Instructions for the task
In the following listing, work out how many lines contain the string "IFCRELASSOCIATESMATERIAL", and state only that number.

--------------------------------------------------

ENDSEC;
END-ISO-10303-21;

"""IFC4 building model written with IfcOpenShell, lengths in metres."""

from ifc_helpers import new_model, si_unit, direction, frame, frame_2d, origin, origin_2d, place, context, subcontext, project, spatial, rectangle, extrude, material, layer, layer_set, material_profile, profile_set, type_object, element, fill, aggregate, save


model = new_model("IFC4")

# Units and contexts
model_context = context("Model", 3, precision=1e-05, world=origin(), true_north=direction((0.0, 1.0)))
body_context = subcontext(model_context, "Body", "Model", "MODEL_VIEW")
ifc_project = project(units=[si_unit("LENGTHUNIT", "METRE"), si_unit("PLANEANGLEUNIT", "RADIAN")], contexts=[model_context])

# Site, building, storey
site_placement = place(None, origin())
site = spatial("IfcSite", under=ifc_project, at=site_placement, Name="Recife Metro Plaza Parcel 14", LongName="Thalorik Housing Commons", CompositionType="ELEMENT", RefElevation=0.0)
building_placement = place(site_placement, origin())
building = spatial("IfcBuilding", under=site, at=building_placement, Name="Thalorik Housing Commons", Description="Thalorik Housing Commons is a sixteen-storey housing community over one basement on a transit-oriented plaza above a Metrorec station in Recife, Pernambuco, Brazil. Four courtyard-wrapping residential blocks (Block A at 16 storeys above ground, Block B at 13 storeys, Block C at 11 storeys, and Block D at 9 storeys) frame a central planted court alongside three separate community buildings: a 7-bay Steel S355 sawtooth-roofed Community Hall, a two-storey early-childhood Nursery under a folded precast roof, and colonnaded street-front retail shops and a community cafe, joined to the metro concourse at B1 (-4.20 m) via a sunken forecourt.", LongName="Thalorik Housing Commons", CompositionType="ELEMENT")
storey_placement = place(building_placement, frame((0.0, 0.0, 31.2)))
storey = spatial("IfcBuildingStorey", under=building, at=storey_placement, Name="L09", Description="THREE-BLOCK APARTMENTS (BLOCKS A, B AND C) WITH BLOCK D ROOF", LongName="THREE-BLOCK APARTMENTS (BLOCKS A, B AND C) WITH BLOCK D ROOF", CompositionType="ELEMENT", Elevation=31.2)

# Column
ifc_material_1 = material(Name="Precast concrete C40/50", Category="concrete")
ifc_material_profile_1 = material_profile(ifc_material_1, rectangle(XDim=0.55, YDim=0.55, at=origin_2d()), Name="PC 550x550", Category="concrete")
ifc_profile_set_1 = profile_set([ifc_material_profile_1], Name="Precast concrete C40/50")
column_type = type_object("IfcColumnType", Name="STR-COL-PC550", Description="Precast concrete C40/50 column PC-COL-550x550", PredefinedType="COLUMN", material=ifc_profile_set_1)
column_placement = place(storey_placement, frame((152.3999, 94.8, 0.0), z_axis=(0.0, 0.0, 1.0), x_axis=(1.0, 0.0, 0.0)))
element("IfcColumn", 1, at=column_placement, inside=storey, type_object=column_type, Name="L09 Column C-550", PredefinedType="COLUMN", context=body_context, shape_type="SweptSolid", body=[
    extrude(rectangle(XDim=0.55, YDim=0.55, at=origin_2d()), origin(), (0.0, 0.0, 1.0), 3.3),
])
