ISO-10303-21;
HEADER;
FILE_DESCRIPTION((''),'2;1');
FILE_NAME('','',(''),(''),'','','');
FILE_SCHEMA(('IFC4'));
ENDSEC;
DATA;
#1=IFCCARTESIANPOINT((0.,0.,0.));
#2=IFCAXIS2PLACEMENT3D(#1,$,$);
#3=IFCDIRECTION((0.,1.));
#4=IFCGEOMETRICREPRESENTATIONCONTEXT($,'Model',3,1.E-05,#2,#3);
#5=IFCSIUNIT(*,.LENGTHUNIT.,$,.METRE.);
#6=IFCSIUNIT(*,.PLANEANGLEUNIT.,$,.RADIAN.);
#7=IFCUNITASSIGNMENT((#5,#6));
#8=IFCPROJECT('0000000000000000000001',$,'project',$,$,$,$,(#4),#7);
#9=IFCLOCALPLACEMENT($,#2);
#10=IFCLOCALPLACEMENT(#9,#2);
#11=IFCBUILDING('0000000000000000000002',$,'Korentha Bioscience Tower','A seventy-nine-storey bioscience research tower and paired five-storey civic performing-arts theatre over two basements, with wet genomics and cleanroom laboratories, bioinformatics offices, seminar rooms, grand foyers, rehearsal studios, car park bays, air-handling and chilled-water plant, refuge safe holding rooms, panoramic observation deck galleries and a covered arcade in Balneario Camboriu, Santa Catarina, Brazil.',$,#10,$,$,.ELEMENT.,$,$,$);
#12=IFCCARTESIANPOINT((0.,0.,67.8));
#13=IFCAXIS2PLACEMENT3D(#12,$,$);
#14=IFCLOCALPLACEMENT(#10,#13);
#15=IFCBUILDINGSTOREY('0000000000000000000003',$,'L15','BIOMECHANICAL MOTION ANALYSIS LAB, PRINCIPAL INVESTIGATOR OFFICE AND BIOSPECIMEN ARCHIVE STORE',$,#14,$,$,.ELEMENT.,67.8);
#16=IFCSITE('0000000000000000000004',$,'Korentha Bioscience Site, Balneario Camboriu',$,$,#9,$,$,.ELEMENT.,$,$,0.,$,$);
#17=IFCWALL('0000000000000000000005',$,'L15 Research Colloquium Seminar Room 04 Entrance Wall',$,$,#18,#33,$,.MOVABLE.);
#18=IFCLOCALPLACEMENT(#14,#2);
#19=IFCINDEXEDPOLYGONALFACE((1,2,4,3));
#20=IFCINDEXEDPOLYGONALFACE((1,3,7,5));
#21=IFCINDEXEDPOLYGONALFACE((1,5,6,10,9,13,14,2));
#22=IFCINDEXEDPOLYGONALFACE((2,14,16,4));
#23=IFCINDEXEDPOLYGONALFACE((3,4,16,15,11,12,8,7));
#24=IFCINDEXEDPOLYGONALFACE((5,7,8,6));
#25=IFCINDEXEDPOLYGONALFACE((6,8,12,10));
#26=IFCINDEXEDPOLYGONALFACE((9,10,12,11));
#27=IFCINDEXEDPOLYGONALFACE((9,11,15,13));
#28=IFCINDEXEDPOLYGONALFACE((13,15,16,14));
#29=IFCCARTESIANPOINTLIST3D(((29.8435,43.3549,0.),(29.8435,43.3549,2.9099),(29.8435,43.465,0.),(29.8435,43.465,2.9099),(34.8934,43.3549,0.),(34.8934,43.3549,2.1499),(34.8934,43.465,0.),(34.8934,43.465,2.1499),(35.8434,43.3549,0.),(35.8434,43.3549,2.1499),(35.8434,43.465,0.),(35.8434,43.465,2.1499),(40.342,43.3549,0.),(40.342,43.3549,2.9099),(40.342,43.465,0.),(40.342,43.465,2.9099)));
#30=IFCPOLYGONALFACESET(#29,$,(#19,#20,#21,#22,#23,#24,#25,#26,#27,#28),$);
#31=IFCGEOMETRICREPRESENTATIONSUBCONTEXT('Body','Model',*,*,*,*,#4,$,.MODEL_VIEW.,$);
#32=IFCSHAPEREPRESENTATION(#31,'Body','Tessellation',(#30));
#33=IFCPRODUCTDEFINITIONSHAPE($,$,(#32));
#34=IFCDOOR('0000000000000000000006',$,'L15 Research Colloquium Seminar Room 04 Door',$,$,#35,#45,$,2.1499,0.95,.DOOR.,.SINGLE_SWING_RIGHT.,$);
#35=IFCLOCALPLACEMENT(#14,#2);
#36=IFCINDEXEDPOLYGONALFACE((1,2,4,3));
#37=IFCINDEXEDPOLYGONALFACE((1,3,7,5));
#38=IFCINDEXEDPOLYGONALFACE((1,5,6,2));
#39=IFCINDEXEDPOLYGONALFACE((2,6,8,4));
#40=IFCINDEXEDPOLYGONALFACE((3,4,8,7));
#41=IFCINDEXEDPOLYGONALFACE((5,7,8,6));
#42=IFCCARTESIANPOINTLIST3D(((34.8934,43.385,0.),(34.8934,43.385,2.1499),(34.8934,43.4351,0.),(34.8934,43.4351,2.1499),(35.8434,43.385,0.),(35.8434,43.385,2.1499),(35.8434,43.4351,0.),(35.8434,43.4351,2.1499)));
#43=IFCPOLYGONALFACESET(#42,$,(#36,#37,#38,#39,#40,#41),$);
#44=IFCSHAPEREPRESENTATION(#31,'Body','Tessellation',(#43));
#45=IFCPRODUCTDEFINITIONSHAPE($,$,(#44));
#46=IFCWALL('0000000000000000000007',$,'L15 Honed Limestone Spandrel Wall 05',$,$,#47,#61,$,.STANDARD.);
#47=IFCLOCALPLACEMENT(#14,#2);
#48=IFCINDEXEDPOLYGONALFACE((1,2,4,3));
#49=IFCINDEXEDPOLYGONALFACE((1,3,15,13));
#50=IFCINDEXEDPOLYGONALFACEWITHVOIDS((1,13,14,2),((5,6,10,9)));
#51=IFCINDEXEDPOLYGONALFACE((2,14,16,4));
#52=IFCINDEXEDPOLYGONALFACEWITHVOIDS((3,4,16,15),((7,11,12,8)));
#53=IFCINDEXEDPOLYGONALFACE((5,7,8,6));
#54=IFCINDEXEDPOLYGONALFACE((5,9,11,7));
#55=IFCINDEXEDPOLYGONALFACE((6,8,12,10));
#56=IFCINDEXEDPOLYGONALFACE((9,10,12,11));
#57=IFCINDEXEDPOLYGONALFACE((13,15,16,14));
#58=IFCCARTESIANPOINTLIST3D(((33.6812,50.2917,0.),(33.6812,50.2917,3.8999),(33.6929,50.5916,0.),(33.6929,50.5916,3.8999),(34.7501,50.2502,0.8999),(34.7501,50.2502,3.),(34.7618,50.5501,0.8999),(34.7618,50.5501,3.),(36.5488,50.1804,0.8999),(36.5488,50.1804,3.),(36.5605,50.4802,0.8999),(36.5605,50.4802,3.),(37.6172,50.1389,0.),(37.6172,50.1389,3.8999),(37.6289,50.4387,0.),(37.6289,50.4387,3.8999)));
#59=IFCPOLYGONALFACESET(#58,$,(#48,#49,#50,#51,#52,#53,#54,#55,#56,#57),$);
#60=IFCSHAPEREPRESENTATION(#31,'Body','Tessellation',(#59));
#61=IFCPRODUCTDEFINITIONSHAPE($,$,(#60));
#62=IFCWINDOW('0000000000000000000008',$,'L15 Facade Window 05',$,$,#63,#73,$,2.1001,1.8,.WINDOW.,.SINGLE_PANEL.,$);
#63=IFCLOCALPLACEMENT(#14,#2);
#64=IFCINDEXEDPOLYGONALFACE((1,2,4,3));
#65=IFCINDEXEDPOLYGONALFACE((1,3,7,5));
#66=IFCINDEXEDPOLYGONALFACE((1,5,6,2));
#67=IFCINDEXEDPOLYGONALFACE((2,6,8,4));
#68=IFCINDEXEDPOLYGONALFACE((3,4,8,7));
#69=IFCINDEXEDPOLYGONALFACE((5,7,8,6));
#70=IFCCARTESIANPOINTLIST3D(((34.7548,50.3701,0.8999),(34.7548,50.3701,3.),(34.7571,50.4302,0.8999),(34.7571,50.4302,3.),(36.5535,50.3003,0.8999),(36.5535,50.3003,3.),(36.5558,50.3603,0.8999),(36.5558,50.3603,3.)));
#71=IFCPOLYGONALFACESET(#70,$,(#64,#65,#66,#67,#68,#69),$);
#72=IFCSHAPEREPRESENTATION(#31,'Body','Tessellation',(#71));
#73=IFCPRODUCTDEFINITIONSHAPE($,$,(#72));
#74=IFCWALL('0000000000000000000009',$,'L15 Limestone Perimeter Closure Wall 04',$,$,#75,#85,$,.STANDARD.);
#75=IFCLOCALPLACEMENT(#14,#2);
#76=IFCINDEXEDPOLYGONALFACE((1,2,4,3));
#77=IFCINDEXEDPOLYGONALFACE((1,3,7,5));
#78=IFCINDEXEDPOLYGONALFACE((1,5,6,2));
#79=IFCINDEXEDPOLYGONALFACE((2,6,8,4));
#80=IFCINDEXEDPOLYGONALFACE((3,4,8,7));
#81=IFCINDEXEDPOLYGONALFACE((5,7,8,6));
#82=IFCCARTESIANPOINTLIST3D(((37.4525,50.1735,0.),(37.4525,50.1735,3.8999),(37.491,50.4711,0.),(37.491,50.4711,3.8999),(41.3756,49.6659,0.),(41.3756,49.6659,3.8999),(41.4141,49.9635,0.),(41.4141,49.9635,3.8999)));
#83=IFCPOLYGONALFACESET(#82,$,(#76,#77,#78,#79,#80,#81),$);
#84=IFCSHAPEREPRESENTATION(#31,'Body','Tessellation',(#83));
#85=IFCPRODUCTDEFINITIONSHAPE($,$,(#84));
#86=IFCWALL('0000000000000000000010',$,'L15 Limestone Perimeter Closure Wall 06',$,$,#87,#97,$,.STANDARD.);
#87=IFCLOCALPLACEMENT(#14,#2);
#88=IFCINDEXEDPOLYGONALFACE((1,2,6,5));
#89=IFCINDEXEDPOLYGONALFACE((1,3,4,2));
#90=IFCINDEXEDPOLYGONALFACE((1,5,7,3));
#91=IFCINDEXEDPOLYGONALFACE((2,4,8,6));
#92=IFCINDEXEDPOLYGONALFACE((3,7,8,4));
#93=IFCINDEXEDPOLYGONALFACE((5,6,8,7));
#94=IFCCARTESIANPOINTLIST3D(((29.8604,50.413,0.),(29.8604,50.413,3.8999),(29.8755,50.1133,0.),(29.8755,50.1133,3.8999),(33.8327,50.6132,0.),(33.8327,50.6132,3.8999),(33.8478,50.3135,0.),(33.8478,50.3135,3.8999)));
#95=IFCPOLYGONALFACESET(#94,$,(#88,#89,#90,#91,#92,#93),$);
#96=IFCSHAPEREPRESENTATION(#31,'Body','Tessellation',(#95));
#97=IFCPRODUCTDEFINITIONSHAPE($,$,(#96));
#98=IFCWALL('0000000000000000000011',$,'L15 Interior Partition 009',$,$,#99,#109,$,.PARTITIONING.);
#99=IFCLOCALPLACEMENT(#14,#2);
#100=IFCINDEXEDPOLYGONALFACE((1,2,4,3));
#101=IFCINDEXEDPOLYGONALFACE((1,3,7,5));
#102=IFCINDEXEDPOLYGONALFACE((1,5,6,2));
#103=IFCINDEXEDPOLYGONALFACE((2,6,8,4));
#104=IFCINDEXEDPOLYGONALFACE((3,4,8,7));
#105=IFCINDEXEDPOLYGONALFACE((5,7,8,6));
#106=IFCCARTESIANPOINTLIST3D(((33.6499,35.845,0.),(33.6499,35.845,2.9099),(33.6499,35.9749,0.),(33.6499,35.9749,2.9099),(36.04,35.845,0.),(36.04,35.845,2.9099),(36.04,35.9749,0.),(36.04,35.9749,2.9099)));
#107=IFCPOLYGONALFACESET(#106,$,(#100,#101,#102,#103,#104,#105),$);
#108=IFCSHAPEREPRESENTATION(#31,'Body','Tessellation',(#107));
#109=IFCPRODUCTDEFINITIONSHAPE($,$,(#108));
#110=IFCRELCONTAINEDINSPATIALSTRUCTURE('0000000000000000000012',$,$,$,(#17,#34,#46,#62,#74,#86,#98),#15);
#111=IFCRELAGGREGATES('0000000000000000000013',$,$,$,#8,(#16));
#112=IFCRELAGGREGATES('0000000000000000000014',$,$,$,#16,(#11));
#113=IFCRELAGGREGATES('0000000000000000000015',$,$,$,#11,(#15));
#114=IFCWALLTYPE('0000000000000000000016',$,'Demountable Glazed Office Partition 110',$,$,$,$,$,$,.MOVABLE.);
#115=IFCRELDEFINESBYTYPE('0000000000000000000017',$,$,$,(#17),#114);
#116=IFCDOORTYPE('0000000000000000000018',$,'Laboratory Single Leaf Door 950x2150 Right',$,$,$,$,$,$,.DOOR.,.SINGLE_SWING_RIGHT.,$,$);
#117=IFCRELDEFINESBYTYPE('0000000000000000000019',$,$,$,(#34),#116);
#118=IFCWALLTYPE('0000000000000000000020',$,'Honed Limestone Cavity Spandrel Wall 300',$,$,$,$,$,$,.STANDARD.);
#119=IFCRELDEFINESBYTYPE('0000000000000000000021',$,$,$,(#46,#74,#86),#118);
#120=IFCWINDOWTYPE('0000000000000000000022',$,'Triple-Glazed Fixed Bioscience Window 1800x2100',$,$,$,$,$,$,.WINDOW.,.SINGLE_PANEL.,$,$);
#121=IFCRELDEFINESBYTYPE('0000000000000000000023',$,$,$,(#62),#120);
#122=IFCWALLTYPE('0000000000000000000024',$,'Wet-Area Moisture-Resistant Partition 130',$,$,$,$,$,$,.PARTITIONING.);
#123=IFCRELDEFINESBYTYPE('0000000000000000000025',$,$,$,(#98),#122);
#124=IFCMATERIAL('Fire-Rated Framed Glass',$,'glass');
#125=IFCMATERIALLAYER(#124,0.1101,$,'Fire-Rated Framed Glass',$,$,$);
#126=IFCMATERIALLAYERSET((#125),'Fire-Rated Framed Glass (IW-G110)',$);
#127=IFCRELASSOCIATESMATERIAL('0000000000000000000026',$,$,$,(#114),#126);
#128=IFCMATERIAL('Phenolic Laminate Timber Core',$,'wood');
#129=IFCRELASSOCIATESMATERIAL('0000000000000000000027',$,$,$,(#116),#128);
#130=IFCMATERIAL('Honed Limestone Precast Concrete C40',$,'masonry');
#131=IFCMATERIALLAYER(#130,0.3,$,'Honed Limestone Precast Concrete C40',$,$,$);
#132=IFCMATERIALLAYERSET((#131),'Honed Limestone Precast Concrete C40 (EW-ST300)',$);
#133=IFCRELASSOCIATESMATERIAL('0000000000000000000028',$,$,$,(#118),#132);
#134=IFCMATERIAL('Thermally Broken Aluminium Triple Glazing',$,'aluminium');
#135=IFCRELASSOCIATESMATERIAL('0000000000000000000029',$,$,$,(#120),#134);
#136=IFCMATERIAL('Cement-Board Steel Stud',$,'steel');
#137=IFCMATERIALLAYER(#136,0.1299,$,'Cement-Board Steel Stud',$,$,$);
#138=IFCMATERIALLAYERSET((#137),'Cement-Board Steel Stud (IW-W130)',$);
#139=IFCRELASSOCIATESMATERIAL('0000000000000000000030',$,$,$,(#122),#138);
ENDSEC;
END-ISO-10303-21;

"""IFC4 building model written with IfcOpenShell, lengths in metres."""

from ifc_helpers import new_model, si_unit, direction, frame, frame_2d, origin, place, context, subcontext, project, spatial, rectangle, extrude, material, layer, layer_set, type_object, element, fill, save


model = new_model("IFC4")

# Units and contexts
model_context = context("Model", 3, precision=1e-05, world=origin(), true_north=direction((0.0, 1.0)))
body_context = subcontext(model_context, "Body", "Model", "MODEL_VIEW")
ifc_project = project(units=[si_unit("LENGTHUNIT", "METRE"), si_unit("PLANEANGLEUNIT", "RADIAN")], contexts=[model_context])

# Site, building, storey
site_placement = place(None, origin())
site = spatial("IfcSite", under=ifc_project, at=site_placement, Name="Korentha Bioscience Site, Balneario Camboriu", CompositionType="ELEMENT", RefElevation=0.0)
building_placement = place(site_placement, origin())
building = spatial("IfcBuilding", under=site, at=building_placement, Name="Korentha Bioscience Tower", Description="A seventy-nine-storey bioscience research tower and paired five-storey civic performing-arts theatre over two basements, with wet genomics and cleanroom laboratories, bioinformatics offices, seminar rooms, grand foyers, rehearsal studios, car park bays, air-handling and chilled-water plant, refuge safe holding rooms, panoramic observation deck galleries and a covered arcade in Balneario Camboriu, Santa Catarina, Brazil.", CompositionType="ELEMENT")
storey_placement = place(building_placement, frame((0.0, 0.0, 67.8)))
storey = spatial("IfcBuildingStorey", under=building, at=storey_placement, Name="L15", Description="BIOMECHANICAL MOTION ANALYSIS LAB, PRINCIPAL INVESTIGATOR OFFICE AND BIOSPECIMEN ARCHIVE STORE", CompositionType="ELEMENT", Elevation=67.8)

--------------------------------------------------

Answer below
5